Records supplied:
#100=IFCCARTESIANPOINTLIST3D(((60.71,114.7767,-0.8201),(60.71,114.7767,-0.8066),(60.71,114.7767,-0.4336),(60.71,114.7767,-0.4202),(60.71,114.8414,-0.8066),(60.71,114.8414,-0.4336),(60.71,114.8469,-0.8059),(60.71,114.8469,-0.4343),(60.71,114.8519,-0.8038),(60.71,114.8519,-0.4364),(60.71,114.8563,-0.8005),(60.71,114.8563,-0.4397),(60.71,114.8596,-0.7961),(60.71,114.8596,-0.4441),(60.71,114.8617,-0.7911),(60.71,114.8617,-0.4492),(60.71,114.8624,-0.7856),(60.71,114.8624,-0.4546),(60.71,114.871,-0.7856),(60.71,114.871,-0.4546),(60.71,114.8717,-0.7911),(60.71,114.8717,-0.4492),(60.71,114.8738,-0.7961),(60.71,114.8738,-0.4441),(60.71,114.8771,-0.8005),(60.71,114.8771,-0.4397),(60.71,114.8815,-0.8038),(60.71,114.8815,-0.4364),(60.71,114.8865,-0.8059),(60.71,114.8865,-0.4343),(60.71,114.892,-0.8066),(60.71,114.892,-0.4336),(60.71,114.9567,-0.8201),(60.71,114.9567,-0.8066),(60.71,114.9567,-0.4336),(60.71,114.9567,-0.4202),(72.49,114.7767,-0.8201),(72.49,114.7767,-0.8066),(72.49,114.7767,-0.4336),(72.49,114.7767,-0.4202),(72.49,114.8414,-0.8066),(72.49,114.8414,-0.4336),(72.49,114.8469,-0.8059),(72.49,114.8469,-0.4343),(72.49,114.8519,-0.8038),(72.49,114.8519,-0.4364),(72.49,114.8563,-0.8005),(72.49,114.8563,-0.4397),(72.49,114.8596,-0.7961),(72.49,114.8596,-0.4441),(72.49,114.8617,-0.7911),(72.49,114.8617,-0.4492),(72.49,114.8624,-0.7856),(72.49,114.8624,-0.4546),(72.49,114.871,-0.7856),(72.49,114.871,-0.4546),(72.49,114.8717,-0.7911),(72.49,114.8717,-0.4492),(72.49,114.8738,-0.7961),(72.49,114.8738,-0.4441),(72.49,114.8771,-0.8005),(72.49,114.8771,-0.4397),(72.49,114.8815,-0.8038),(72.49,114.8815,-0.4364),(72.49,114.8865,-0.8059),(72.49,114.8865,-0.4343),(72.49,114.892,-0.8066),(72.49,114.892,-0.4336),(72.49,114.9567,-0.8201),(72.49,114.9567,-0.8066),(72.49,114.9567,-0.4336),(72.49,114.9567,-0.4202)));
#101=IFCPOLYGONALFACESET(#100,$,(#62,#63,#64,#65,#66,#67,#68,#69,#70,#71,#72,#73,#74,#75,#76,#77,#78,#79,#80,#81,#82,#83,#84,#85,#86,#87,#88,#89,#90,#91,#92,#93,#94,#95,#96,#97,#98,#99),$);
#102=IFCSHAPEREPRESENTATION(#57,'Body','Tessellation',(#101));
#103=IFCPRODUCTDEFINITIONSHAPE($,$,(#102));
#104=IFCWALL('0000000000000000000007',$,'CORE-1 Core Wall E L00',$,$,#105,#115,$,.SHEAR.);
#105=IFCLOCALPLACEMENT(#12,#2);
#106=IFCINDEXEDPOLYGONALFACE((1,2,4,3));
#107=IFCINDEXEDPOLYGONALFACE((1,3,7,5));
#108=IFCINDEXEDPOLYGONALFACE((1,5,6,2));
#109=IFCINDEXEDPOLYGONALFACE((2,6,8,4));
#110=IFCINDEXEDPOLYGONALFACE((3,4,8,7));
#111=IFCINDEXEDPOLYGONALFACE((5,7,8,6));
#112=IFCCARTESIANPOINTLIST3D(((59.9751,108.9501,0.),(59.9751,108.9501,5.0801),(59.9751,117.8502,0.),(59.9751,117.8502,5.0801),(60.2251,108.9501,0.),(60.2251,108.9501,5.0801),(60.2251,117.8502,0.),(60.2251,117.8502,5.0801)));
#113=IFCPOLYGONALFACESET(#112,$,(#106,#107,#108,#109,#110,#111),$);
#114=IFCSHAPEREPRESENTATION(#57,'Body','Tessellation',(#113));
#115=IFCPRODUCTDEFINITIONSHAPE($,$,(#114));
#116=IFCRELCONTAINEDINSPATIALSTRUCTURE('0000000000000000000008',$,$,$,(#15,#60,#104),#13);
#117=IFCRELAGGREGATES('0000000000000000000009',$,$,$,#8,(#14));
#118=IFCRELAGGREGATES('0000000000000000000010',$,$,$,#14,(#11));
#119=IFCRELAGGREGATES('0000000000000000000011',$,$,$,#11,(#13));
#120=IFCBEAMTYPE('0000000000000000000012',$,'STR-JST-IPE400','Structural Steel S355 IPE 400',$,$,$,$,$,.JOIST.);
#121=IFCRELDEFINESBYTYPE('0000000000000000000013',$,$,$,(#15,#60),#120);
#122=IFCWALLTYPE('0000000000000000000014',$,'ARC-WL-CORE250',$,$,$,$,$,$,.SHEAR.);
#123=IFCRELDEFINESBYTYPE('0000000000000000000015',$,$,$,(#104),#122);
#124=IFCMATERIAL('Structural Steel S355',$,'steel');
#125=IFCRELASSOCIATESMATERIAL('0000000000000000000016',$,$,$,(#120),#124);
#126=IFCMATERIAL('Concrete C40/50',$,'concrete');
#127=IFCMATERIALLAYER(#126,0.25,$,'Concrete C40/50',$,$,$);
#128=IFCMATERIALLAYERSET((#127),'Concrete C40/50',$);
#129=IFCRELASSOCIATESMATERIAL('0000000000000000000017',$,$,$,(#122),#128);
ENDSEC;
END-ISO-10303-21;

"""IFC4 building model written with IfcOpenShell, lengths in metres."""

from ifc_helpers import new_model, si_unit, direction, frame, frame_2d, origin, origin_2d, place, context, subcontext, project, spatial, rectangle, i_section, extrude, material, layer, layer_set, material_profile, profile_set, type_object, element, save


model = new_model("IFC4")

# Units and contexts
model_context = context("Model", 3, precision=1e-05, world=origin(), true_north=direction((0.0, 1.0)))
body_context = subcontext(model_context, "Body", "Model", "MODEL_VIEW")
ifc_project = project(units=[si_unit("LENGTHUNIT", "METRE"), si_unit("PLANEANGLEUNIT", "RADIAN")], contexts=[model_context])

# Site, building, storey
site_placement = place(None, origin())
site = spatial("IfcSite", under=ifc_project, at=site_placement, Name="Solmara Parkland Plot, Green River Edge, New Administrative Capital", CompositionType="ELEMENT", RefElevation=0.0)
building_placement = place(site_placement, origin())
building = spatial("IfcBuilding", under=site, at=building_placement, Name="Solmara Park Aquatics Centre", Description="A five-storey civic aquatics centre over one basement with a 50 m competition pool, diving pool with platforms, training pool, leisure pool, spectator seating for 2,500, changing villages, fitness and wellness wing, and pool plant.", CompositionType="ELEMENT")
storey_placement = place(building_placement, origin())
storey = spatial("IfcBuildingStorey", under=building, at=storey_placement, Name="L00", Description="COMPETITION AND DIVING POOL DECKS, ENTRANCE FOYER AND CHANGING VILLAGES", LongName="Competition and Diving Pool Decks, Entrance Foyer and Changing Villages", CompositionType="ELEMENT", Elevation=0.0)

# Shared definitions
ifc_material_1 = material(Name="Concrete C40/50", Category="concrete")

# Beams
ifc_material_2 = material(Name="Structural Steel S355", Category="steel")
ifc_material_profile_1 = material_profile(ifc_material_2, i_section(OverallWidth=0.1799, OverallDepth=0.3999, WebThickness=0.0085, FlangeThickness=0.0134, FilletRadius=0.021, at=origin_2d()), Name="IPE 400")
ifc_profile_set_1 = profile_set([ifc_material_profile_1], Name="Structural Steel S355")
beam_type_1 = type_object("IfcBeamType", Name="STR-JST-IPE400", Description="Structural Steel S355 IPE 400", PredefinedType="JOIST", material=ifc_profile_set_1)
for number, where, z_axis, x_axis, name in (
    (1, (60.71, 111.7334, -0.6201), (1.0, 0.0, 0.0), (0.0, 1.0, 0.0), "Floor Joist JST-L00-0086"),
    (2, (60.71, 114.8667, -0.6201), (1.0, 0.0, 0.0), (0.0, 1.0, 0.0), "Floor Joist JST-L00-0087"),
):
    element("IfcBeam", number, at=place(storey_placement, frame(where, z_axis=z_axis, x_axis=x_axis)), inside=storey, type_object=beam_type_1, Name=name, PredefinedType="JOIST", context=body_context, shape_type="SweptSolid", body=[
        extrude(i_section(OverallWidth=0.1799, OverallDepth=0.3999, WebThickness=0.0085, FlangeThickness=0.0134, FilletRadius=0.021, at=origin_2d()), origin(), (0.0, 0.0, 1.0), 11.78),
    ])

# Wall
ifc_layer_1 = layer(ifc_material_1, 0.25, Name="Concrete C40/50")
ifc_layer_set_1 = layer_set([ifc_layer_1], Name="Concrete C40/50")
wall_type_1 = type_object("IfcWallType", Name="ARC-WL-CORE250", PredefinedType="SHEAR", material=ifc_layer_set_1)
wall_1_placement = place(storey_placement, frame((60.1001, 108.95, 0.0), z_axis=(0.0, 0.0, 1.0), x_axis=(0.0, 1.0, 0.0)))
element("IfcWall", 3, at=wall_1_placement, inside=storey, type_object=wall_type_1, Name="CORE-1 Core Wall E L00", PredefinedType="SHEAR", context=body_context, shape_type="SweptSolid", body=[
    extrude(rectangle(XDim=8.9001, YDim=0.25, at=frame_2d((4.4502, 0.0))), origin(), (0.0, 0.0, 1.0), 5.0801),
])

...

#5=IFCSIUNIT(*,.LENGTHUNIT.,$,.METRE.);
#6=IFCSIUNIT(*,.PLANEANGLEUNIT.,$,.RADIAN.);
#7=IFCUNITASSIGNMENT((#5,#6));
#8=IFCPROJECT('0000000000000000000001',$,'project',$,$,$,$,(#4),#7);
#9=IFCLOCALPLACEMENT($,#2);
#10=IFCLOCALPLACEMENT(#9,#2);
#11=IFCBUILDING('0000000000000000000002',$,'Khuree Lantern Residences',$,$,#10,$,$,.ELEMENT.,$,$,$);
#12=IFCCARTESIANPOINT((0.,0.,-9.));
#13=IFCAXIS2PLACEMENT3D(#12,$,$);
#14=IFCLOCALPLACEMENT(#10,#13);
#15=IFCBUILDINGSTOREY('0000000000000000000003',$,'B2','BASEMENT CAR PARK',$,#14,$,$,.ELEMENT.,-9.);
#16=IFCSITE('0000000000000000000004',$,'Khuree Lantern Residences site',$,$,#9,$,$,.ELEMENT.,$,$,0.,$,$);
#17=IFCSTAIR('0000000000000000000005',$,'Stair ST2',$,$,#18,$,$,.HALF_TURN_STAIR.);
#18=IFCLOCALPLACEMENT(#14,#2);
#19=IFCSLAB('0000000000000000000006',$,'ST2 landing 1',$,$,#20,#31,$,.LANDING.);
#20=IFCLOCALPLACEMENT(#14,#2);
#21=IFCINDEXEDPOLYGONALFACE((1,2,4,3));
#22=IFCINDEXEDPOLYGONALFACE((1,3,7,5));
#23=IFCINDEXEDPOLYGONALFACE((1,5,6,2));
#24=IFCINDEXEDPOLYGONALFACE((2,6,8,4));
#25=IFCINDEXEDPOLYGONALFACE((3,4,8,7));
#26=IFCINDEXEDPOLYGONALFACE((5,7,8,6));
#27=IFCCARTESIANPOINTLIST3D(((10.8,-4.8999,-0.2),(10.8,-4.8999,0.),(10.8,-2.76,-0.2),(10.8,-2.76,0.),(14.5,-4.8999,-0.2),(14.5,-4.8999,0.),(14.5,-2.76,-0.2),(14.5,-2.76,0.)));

--

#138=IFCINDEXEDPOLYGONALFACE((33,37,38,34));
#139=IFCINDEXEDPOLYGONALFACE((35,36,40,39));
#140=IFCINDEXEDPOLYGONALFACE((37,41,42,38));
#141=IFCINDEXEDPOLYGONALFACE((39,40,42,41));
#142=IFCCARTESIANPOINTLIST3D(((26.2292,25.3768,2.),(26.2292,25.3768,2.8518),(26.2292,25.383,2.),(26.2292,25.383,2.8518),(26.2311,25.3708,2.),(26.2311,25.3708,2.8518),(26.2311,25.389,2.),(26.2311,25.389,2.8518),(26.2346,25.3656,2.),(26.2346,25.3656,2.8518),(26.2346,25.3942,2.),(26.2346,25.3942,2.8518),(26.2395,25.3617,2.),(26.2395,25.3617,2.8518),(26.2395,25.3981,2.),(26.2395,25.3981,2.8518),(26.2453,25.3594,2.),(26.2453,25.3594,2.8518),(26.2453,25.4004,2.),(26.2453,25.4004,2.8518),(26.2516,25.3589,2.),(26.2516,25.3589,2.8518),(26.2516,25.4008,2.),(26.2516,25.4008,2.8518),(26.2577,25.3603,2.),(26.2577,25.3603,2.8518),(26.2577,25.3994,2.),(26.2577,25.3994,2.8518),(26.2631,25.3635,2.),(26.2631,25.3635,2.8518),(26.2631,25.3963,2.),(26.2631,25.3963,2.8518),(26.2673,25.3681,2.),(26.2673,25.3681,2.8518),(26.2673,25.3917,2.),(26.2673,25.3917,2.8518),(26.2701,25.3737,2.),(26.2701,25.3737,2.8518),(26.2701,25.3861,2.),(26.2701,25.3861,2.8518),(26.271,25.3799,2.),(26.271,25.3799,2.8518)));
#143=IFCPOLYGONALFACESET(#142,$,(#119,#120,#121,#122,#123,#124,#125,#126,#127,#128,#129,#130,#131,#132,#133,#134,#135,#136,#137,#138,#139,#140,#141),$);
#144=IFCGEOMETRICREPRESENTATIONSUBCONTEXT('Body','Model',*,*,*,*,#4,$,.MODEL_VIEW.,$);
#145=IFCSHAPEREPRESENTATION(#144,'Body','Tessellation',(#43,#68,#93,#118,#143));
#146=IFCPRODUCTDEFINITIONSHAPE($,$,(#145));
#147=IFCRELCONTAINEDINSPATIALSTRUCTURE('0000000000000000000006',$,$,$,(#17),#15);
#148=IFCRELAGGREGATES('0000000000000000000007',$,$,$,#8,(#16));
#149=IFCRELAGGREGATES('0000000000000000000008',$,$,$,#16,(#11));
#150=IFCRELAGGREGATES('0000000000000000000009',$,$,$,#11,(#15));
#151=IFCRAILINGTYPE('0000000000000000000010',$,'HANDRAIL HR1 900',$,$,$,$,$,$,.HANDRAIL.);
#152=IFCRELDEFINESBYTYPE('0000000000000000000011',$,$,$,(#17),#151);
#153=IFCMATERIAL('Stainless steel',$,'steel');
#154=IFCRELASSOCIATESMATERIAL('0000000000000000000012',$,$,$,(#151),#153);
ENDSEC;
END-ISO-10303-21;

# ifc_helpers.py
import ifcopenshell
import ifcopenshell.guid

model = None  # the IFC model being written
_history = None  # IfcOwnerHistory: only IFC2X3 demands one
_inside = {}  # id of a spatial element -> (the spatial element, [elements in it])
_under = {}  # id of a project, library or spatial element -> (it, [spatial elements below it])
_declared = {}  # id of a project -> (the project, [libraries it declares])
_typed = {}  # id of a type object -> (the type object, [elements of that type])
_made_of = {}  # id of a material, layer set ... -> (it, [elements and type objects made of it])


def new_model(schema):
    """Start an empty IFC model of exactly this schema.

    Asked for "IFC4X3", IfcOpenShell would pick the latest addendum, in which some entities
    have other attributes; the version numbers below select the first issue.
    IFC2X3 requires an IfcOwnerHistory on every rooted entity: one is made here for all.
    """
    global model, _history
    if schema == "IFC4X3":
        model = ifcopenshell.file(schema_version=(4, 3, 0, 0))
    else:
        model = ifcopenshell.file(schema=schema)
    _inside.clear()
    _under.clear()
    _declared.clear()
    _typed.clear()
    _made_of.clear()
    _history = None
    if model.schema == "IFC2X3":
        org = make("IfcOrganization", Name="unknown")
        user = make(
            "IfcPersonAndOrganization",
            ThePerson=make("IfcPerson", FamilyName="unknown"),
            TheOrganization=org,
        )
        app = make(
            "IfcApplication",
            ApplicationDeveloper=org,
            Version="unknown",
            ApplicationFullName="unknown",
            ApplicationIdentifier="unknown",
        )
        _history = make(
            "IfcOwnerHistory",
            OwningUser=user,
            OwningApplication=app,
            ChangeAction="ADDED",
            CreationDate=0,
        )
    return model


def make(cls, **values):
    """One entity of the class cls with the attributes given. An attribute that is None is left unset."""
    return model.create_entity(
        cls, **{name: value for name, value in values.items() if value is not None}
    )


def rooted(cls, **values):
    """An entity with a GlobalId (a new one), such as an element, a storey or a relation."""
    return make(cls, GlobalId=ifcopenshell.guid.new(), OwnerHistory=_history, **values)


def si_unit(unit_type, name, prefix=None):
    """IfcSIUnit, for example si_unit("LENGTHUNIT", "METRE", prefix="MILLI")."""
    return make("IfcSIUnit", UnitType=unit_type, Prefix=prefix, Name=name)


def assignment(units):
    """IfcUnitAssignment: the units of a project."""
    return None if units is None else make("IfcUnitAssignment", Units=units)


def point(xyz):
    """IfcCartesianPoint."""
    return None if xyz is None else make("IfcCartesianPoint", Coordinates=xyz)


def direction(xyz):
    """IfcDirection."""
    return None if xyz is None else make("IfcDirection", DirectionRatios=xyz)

The problem: Return all lines from the material that contain "IFCPOLYGONALFACESET".

Completed exercise:
#101=IFCPOLYGONALFACESET(#100,$,(#62,#63,#64,#65,#66,#67,#68,#69,#70,#71,#72,#73,#74,#75,#76,#77,#78,#79,#80,#81,#82,#83,#84,#85,#86,#87,#88,#89,#90,#91,#92,#93,#94,#95,#96,#97,#98,#99),$);
#113=IFCPOLYGONALFACESET(#112,$,(#106,#107,#108,#109,#110,#111),$);
#143=IFCPOLYGONALFACESET(#142,$,(#119,#120,#121,#122,#123,#124,#125,#126,#127,#128,#129,#130,#131,#132,#133,#134,#135,#136,#137,#138,#139,#140,#141),$);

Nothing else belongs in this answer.